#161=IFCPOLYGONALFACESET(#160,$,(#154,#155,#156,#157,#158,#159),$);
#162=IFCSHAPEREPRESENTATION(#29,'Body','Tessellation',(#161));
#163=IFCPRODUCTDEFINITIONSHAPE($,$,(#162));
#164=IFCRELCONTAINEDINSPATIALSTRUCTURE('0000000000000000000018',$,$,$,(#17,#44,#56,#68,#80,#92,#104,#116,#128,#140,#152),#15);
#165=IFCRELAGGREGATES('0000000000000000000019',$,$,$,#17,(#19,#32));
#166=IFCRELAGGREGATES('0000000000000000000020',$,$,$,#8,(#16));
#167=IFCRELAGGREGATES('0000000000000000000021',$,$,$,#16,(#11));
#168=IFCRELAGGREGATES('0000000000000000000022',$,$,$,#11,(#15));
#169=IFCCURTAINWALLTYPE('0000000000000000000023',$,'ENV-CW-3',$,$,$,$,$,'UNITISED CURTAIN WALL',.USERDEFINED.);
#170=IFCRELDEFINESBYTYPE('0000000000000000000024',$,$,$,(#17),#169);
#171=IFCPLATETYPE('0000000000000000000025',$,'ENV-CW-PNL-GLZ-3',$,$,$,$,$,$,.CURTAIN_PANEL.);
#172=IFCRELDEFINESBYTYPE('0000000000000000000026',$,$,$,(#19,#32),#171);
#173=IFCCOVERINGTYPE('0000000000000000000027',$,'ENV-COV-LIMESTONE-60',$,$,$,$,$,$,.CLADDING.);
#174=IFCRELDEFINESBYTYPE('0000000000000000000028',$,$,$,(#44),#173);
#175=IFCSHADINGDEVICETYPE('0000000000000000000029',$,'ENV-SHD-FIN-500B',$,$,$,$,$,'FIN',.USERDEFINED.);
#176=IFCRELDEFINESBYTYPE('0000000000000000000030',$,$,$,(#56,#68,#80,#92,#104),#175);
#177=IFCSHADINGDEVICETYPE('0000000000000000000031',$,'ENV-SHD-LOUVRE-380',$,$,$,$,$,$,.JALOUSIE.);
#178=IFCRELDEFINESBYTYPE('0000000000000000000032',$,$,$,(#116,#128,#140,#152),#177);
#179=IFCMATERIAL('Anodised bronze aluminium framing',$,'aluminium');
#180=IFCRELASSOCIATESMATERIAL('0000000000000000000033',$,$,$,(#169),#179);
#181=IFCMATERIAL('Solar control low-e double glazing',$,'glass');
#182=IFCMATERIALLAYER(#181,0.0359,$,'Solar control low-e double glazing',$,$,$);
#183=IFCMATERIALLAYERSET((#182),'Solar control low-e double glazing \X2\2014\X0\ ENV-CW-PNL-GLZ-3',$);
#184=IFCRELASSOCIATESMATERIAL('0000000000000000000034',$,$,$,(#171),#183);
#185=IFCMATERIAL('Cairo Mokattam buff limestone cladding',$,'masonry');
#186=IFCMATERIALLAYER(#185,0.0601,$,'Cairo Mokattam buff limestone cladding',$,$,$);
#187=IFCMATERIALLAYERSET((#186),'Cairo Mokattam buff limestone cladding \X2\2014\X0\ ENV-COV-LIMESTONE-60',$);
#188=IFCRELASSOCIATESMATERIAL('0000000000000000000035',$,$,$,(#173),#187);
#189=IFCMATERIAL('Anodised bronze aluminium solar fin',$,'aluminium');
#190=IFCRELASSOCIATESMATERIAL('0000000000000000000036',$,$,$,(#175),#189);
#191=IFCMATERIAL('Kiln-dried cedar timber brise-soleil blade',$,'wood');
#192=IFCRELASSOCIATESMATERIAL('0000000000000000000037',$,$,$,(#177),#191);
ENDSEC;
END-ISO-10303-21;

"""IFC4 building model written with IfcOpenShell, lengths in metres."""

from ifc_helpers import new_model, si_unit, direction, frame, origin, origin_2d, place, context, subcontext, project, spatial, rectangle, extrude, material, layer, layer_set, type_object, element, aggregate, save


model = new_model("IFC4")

-=-=-=-=-

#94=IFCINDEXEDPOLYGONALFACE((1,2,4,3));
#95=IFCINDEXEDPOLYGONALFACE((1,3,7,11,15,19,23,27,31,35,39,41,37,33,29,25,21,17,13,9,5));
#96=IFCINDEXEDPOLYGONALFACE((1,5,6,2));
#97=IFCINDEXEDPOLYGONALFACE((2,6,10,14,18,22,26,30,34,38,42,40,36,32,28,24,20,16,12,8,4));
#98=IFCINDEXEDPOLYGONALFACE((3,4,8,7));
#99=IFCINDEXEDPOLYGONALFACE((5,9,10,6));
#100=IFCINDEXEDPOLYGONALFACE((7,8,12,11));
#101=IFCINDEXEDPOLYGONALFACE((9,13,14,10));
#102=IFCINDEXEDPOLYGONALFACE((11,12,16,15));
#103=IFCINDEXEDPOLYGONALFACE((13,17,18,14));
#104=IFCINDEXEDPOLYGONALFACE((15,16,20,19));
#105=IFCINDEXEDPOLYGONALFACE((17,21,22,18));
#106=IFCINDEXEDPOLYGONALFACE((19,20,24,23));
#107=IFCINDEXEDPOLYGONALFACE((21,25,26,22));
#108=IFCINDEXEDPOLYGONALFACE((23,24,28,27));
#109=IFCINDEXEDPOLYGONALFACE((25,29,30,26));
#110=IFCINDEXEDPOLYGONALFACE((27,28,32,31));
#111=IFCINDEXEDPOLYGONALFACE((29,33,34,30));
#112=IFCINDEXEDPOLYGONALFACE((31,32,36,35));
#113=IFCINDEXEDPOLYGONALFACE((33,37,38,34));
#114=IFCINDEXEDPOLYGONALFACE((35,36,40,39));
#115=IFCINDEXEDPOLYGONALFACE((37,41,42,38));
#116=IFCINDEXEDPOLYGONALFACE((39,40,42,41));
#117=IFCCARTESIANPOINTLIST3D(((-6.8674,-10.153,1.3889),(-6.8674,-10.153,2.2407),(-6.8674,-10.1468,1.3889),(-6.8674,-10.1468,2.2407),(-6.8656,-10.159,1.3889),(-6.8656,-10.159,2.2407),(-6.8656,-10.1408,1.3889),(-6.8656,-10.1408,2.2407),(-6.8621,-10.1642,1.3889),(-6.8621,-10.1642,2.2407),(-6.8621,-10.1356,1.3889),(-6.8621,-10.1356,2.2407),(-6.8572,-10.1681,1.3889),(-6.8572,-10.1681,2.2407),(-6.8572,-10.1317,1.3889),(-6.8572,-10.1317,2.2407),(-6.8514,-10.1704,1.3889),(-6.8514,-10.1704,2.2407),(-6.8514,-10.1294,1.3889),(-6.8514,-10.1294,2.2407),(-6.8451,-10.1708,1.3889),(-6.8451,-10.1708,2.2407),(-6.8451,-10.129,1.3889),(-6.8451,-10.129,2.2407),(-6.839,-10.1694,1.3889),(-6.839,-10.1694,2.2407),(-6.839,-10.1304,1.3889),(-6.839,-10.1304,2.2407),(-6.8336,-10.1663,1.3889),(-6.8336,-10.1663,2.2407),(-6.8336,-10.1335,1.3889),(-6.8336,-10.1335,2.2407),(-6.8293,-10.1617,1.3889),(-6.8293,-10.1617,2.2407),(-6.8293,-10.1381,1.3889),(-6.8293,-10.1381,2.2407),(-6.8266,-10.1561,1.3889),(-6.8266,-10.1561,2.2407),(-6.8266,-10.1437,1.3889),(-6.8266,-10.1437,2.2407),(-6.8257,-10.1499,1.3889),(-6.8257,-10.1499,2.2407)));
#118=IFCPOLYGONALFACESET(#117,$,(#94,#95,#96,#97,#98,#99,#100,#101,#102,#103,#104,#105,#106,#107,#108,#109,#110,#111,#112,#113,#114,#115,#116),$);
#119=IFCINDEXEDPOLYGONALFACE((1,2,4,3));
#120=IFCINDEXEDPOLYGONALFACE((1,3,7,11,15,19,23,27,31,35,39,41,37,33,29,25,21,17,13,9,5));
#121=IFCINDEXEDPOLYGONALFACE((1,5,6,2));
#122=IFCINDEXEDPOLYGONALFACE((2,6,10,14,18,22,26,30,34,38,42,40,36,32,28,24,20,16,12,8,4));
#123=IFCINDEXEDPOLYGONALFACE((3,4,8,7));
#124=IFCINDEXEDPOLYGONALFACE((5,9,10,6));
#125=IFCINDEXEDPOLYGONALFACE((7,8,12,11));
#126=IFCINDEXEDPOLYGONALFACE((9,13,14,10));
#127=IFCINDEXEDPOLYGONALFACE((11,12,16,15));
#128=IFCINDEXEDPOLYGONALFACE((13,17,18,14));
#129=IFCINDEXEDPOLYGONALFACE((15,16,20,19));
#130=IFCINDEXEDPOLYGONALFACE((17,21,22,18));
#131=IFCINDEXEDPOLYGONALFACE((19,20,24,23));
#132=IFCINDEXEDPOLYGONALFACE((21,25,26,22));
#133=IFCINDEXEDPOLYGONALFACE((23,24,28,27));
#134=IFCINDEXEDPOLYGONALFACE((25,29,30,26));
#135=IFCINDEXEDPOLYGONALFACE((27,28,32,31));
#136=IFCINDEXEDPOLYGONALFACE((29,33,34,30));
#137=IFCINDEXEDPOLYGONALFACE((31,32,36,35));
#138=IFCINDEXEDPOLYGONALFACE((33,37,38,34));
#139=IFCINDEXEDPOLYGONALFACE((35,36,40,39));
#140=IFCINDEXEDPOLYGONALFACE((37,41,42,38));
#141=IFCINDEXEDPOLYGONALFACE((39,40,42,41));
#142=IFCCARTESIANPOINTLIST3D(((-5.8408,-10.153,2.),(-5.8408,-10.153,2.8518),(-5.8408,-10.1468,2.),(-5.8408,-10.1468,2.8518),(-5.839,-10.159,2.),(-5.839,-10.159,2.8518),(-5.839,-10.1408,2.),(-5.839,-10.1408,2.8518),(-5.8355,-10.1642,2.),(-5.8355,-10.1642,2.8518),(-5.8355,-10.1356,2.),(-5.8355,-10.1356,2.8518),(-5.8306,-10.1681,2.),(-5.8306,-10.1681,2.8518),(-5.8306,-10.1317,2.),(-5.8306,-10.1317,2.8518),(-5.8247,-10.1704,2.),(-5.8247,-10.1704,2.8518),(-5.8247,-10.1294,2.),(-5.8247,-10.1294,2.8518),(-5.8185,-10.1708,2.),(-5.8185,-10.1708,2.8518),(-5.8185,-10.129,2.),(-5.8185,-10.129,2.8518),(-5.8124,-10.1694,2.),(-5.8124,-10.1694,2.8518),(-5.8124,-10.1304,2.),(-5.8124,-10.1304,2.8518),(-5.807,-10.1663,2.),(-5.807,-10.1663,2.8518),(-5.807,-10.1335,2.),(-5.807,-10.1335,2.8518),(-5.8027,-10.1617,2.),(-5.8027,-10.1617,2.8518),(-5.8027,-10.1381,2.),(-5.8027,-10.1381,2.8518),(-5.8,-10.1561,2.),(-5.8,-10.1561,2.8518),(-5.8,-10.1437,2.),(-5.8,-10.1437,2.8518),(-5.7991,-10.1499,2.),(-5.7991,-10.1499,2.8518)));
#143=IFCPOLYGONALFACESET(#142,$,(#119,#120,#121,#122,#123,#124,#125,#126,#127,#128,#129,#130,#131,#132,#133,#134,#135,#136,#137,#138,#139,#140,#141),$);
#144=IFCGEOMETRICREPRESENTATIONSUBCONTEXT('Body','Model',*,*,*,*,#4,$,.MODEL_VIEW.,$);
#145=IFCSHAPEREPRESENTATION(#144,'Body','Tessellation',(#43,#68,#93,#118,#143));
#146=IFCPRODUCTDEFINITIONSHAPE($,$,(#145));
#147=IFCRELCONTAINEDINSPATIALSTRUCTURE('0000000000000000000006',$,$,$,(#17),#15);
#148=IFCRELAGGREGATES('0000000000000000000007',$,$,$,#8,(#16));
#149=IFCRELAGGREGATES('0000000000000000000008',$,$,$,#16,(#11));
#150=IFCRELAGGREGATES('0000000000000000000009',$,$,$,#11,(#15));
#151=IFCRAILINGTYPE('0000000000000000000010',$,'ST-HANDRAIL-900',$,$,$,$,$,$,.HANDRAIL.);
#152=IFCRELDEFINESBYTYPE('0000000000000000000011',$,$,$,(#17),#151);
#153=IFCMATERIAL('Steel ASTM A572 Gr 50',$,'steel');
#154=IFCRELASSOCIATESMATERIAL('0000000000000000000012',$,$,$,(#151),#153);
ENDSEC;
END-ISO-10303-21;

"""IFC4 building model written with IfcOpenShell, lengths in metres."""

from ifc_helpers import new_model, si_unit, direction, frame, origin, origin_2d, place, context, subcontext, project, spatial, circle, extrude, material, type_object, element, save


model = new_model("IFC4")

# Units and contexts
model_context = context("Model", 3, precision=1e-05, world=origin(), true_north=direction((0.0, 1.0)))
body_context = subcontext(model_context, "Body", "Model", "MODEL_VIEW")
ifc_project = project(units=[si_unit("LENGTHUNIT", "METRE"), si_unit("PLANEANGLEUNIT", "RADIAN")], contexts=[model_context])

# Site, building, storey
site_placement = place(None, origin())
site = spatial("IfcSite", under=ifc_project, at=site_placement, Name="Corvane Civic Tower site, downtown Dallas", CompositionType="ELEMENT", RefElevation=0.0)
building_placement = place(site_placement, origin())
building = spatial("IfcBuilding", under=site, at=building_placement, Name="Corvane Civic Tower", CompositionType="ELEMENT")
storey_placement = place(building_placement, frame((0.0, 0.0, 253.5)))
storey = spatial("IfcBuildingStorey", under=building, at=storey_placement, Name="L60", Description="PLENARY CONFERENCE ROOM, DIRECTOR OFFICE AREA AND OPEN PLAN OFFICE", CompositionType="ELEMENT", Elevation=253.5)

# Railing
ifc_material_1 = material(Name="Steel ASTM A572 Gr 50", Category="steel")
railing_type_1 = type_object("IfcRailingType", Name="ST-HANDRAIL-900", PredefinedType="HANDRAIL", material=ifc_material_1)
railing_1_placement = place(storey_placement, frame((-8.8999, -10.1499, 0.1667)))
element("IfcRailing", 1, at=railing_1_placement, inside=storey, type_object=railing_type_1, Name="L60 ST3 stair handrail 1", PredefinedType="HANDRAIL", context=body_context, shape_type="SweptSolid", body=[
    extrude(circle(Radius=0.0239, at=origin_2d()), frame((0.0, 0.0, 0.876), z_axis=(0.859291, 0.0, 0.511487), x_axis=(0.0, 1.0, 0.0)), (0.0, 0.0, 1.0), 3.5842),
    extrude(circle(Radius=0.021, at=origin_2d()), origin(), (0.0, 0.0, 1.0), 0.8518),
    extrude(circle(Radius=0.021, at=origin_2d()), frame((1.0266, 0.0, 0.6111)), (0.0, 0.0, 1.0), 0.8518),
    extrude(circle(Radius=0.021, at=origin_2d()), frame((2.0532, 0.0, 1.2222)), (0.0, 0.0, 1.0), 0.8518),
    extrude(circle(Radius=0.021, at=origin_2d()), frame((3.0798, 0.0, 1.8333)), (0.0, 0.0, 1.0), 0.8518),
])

-=-=-=-=-

§ AIM OF THE TASK
Above are some records; copy exactly the lines from the one with "#100=IFCINDEXEDPOLYGONALFACE((7,8,12,11));" through the one with "#116=IFCINDEXEDPOLYGONALFACE((39,40,42,41));", both included, and no others.

§ SOLUTION
#100=IFCINDEXEDPOLYGONALFACE((7,8,12,11));
#101=IFCINDEXEDPOLYGONALFACE((9,13,14,10));
#102=IFCINDEXEDPOLYGONALFACE((11,12,16,15));
#103=IFCINDEXEDPOLYGONALFACE((13,17,18,14));
#104=IFCINDEXEDPOLYGONALFACE((15,16,20,19));
#105=IFCINDEXEDPOLYGONALFACE((17,21,22,18));
#106=IFCINDEXEDPOLYGONALFACE((19,20,24,23));
#107=IFCINDEXEDPOLYGONALFACE((21,25,26,22));
#108=IFCINDEXEDPOLYGONALFACE((23,24,28,27));
#109=IFCINDEXEDPOLYGONALFACE((25,29,30,26));
#110=IFCINDEXEDPOLYGONALFACE((27,28,32,31));
#111=IFCINDEXEDPOLYGONALFACE((29,33,34,30));
#112=IFCINDEXEDPOLYGONALFACE((31,32,36,35));
#113=IFCINDEXEDPOLYGONALFACE((33,37,38,34));
#114=IFCINDEXEDPOLYGONALFACE((35,36,40,39));
#115=IFCINDEXEDPOLYGONALFACE((37,41,42,38));
#116=IFCINDEXEDPOLYGONALFACE((39,40,42,41));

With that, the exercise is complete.